ASSIGNMENT - Report each line from the listing that the string "Block" appears in.
**** EXERCISE INPUT
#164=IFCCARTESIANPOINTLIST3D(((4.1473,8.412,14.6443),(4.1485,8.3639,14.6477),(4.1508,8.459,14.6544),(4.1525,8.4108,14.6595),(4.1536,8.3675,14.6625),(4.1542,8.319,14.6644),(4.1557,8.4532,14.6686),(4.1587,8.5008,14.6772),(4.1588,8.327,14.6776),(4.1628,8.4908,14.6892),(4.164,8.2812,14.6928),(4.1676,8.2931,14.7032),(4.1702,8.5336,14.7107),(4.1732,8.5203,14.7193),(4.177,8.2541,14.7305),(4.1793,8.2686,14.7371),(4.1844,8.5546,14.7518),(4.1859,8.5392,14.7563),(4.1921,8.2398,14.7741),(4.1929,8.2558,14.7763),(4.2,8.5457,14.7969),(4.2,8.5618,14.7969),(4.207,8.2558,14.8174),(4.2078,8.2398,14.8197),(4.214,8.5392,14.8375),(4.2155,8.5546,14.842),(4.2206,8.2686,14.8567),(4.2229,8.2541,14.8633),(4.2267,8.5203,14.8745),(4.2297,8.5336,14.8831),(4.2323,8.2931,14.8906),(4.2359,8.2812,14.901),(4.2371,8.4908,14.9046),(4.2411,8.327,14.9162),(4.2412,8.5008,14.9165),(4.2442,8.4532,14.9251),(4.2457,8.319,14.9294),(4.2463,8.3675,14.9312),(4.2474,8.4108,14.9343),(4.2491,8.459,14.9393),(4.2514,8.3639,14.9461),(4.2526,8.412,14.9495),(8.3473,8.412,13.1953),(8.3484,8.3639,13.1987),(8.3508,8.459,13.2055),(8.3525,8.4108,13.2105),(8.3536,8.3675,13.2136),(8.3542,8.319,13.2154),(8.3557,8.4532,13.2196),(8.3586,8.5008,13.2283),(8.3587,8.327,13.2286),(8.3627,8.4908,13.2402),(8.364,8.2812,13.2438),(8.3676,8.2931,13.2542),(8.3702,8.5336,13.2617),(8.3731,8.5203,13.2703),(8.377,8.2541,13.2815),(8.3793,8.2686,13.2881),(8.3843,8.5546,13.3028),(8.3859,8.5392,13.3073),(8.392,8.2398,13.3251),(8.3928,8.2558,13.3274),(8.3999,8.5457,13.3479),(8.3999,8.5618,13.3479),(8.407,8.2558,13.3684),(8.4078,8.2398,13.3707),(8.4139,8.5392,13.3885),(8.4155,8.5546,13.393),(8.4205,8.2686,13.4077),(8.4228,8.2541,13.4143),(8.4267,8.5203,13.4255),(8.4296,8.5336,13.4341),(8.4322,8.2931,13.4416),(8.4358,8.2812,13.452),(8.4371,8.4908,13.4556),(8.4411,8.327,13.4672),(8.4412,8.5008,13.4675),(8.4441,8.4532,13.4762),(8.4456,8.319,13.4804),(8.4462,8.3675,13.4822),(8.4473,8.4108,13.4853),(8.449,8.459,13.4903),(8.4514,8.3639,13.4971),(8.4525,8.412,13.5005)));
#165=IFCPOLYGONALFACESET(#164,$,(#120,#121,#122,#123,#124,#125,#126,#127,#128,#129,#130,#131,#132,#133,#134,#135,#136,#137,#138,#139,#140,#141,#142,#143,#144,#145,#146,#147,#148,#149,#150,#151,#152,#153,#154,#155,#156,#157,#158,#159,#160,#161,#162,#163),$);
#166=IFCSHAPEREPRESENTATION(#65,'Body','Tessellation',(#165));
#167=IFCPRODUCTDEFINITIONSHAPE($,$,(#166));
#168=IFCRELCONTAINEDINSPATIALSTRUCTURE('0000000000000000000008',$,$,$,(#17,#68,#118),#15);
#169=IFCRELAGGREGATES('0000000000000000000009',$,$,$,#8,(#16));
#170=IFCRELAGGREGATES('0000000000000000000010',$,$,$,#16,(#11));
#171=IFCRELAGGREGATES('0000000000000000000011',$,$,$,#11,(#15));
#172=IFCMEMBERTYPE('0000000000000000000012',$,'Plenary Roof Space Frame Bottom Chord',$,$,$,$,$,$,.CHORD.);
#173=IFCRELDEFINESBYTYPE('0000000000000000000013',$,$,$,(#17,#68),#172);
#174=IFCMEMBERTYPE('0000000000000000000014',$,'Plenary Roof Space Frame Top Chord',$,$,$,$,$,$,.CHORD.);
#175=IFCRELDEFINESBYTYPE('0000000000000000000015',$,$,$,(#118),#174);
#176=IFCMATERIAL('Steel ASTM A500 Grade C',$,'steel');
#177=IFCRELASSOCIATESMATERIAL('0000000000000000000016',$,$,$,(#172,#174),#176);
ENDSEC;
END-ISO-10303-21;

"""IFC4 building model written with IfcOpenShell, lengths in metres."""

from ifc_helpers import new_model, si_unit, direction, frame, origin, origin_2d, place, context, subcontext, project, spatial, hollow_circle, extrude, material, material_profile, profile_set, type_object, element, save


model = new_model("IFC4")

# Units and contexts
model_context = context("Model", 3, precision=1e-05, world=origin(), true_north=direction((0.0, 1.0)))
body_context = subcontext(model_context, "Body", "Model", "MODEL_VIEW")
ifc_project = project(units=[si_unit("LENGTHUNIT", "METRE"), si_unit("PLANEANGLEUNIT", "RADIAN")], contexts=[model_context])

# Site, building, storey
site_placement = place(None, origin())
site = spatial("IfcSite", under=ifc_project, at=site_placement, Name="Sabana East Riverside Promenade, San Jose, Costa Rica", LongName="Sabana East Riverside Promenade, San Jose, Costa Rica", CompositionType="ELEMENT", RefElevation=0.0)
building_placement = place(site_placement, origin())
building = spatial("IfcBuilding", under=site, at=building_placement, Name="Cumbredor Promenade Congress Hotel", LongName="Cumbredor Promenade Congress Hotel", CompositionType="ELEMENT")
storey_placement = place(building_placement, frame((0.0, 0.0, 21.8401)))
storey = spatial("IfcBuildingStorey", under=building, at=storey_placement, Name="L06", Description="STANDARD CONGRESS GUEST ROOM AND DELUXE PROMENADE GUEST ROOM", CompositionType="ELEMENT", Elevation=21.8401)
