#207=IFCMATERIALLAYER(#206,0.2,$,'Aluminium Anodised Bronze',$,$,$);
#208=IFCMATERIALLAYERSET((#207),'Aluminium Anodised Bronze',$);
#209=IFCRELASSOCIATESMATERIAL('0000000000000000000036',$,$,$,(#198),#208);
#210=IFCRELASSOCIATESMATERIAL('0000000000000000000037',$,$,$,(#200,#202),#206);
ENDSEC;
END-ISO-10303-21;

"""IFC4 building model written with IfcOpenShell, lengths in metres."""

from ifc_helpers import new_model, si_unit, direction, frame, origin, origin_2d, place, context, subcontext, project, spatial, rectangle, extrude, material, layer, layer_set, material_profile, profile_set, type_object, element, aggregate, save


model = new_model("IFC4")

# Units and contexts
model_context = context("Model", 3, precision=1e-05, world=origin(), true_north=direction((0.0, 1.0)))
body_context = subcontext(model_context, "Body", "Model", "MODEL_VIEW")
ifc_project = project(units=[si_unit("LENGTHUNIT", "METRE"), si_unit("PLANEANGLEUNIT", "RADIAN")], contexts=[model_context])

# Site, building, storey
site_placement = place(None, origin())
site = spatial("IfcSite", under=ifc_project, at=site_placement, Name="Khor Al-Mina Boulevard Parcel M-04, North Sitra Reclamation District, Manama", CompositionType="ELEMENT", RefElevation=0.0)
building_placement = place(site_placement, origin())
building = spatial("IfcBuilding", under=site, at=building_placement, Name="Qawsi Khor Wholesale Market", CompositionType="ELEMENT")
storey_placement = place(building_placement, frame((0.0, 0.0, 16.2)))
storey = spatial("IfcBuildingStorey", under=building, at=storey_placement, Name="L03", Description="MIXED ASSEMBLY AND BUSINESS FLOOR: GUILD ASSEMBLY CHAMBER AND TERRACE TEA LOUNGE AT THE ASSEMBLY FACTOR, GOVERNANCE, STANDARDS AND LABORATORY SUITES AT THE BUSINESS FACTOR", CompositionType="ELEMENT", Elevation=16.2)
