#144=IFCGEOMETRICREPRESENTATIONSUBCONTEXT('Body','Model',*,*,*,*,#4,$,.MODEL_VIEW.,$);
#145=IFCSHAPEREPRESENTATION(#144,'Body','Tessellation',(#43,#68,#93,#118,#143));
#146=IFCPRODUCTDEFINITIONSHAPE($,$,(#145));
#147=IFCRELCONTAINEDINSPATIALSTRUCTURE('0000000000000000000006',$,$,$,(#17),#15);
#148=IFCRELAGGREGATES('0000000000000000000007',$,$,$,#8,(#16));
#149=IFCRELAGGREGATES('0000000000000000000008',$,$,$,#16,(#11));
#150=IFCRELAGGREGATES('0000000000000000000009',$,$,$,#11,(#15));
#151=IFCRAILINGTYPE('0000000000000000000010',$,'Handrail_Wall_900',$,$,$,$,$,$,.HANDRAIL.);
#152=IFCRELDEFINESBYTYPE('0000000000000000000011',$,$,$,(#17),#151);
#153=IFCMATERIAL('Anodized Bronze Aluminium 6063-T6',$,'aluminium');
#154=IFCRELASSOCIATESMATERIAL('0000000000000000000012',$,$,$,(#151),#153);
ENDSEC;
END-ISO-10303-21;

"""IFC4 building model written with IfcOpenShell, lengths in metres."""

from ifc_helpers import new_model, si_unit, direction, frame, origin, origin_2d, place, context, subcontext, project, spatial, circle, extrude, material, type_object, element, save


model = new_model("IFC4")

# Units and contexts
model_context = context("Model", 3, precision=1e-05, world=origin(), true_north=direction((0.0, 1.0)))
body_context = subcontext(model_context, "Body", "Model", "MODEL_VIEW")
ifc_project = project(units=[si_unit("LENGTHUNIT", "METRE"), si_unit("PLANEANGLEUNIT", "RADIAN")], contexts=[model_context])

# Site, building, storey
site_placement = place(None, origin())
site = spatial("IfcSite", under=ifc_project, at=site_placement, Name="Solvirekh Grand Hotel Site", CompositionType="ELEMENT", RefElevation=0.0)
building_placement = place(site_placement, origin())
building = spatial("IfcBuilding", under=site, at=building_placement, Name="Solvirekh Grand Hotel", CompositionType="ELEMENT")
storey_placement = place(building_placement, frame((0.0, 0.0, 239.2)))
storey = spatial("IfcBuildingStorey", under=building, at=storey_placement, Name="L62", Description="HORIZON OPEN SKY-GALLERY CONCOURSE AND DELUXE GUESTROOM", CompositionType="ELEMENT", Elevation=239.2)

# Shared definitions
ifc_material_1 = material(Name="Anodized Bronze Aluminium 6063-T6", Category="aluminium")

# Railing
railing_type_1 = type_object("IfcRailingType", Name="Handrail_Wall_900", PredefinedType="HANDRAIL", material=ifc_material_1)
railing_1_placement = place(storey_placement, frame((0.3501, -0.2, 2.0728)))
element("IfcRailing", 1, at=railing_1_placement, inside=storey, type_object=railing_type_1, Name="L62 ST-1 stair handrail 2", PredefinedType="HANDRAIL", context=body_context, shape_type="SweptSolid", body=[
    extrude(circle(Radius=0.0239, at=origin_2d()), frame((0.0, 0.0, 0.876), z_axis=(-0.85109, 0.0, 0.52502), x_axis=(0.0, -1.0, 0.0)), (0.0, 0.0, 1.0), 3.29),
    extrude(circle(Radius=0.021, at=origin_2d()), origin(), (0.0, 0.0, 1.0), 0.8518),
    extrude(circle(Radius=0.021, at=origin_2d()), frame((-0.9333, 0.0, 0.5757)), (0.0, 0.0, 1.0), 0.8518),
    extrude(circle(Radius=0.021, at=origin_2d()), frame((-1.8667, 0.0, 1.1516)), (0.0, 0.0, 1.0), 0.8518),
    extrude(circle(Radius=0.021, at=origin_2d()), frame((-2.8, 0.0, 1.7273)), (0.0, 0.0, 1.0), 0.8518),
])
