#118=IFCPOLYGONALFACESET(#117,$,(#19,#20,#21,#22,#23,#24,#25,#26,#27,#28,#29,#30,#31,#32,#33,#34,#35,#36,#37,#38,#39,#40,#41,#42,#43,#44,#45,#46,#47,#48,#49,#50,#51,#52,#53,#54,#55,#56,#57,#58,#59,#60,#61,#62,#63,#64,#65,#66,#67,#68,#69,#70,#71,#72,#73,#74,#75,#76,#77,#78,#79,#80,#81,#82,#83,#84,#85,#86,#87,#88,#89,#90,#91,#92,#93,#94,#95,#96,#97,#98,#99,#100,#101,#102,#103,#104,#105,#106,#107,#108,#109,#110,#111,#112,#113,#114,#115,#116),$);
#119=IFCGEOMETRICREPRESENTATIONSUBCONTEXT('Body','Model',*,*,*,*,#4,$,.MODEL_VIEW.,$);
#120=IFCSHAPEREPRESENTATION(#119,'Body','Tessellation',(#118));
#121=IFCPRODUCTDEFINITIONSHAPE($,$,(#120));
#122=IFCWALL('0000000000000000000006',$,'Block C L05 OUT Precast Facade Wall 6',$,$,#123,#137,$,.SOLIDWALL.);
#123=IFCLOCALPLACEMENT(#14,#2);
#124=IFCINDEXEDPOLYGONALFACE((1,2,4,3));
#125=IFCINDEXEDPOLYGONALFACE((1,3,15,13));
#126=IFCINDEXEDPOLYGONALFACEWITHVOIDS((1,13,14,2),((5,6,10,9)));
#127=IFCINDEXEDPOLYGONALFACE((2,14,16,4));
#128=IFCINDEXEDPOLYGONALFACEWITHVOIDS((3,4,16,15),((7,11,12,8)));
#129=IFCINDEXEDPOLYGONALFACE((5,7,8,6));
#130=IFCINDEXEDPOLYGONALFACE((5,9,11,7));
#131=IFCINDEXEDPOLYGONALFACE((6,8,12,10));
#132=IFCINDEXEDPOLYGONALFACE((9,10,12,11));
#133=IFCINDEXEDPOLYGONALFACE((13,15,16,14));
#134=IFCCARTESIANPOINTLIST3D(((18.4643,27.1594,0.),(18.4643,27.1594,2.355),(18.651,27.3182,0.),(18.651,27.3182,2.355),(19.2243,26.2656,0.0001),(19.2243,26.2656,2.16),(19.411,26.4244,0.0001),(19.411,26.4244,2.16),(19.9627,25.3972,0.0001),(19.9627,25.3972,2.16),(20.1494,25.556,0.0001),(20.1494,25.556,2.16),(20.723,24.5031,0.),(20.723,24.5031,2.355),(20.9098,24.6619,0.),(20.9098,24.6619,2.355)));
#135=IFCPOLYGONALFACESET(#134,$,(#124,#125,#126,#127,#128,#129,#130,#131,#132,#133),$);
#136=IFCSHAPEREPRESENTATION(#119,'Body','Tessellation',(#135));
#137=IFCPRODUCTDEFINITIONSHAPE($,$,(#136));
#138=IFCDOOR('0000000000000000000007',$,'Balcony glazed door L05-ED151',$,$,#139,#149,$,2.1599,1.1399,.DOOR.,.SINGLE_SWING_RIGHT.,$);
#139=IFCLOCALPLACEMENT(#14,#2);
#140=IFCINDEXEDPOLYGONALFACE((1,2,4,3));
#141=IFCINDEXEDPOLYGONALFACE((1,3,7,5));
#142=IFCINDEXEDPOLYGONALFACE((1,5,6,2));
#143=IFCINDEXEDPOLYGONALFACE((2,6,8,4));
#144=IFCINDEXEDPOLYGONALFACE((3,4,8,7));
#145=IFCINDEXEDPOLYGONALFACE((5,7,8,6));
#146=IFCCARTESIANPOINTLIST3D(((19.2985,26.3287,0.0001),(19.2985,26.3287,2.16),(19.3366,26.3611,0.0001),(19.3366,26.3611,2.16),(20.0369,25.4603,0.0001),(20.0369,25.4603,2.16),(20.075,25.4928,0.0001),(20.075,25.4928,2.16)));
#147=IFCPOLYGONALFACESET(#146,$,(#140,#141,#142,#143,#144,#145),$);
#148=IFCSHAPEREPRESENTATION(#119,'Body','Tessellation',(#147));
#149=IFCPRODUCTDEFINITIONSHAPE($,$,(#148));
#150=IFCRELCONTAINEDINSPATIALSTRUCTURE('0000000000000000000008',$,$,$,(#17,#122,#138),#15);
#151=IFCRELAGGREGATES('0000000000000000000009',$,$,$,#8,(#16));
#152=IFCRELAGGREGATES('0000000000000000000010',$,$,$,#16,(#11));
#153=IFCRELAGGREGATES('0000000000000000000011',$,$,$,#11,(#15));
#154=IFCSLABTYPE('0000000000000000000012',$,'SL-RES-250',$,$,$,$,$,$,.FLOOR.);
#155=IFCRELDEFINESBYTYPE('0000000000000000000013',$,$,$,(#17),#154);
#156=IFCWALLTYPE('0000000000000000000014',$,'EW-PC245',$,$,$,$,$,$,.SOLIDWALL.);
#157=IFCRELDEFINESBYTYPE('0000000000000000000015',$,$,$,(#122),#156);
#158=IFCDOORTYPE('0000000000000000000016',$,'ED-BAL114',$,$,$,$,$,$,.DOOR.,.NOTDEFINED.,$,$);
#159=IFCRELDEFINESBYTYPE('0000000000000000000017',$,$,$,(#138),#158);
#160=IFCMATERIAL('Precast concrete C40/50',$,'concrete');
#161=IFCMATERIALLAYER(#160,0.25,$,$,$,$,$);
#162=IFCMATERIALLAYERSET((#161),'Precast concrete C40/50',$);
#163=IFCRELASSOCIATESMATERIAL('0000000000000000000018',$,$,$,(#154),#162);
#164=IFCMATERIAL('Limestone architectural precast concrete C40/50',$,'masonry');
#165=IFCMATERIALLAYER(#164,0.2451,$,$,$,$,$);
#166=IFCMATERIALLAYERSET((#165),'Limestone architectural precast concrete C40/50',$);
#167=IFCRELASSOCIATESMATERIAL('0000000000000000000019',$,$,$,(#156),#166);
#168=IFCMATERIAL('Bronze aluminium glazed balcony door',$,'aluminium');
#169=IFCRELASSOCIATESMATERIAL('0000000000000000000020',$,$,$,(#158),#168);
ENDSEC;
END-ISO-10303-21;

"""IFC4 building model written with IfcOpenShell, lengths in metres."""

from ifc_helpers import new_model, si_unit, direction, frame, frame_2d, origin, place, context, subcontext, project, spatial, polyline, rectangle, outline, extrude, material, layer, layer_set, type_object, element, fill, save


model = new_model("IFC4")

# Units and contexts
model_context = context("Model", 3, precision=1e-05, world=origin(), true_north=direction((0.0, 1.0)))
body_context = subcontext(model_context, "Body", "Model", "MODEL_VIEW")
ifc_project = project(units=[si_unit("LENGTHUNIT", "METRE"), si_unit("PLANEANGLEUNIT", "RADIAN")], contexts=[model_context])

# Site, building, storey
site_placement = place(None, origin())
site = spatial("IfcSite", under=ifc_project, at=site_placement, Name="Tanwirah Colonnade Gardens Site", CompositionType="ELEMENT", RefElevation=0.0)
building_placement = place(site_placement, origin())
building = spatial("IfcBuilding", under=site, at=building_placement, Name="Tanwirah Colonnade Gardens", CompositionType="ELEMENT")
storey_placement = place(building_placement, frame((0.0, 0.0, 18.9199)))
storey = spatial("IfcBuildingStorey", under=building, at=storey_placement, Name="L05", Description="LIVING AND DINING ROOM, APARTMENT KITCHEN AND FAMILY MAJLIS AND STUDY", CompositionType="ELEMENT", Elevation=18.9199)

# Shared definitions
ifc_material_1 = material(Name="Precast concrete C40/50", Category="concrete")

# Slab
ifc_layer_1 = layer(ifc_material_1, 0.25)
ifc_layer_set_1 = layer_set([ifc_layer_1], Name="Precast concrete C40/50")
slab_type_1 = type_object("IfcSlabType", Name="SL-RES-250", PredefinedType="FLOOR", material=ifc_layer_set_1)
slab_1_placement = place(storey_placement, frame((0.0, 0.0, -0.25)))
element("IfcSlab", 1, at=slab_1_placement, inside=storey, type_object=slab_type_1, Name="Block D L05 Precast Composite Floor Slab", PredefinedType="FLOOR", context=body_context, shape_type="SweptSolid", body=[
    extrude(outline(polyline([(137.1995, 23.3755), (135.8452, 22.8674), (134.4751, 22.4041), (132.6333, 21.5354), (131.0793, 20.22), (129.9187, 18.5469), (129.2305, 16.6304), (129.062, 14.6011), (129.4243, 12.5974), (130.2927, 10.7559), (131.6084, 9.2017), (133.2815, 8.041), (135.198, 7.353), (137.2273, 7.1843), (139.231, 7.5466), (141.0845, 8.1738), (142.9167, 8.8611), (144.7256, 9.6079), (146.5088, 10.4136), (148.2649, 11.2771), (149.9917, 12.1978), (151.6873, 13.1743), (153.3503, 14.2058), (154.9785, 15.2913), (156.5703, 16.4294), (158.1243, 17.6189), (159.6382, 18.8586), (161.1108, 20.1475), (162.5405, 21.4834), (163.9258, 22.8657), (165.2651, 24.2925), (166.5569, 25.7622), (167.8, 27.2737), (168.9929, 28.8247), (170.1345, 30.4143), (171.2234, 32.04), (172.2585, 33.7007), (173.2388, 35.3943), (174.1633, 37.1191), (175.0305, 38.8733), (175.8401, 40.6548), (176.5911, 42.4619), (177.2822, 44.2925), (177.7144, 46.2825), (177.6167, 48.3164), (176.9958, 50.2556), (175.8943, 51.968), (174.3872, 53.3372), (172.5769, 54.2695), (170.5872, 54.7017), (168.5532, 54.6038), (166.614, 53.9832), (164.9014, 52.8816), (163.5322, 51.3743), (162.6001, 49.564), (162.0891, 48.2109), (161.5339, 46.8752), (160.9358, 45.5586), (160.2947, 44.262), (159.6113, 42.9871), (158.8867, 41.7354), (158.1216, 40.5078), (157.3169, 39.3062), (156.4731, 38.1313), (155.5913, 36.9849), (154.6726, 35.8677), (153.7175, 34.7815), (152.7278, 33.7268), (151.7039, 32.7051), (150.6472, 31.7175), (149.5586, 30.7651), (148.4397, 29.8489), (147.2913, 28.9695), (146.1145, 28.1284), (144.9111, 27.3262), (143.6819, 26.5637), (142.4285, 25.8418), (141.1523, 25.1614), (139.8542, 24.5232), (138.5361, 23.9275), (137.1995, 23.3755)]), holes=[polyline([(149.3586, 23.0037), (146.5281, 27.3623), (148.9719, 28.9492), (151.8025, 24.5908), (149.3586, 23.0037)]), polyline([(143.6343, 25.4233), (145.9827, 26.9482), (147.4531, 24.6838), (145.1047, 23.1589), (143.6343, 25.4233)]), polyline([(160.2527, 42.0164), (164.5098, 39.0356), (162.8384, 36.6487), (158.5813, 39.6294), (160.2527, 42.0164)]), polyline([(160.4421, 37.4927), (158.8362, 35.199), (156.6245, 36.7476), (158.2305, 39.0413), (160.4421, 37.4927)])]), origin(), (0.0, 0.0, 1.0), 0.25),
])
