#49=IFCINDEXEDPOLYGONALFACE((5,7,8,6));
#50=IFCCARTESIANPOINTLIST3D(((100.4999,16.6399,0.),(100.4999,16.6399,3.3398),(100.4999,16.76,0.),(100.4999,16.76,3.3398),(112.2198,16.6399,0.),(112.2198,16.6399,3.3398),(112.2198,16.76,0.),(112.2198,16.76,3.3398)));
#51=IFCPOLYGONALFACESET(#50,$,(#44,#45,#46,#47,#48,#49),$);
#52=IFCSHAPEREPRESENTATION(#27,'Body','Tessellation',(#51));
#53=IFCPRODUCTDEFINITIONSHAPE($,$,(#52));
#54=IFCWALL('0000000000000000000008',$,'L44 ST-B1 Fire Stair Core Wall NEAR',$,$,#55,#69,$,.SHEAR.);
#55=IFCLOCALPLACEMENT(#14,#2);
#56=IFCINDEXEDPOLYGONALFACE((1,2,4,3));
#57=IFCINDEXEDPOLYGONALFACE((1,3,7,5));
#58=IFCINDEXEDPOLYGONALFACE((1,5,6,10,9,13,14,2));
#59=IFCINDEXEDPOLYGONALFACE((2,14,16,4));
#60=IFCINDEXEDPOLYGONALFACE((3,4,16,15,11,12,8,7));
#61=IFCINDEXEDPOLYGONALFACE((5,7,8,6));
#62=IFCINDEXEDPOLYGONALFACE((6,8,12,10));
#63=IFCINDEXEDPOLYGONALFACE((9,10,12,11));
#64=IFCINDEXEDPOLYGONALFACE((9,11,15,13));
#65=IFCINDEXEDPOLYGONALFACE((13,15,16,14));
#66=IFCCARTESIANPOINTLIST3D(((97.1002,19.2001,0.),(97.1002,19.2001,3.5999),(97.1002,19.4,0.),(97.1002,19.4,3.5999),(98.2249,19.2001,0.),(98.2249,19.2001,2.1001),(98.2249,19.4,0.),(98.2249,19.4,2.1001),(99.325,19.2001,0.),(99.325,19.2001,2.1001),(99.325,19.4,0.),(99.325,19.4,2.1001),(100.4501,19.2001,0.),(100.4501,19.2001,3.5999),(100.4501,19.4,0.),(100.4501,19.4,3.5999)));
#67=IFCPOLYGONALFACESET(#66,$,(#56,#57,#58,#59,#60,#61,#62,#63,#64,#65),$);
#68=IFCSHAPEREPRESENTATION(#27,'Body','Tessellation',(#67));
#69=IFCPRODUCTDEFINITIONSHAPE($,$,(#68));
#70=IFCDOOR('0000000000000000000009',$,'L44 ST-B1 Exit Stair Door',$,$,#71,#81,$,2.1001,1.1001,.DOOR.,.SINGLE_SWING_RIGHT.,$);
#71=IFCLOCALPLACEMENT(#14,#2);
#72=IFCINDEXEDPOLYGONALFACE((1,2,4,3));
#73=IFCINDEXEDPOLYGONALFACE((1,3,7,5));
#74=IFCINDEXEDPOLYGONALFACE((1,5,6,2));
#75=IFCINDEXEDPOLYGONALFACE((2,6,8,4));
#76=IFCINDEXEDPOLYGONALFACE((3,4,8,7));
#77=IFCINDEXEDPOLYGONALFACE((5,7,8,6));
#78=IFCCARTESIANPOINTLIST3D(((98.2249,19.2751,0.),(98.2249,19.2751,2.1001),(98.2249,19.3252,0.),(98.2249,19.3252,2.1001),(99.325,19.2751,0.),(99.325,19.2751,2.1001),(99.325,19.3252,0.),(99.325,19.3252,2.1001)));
********
ANSWER SECTION -
#122=IFCWALL('0000000000000000000006',$,'Block C L05 OUT Precast Facade Wall 6',$,$,#123,#137,$,.SOLIDWALL.);
element("IfcSlab", 1, at=slab_1_placement, inside=storey, type_object=slab_type_1, Name="Block D L05 Precast Composite Floor Slab", PredefinedType="FLOOR", context=body_context, shape_type="SweptSolid", body=[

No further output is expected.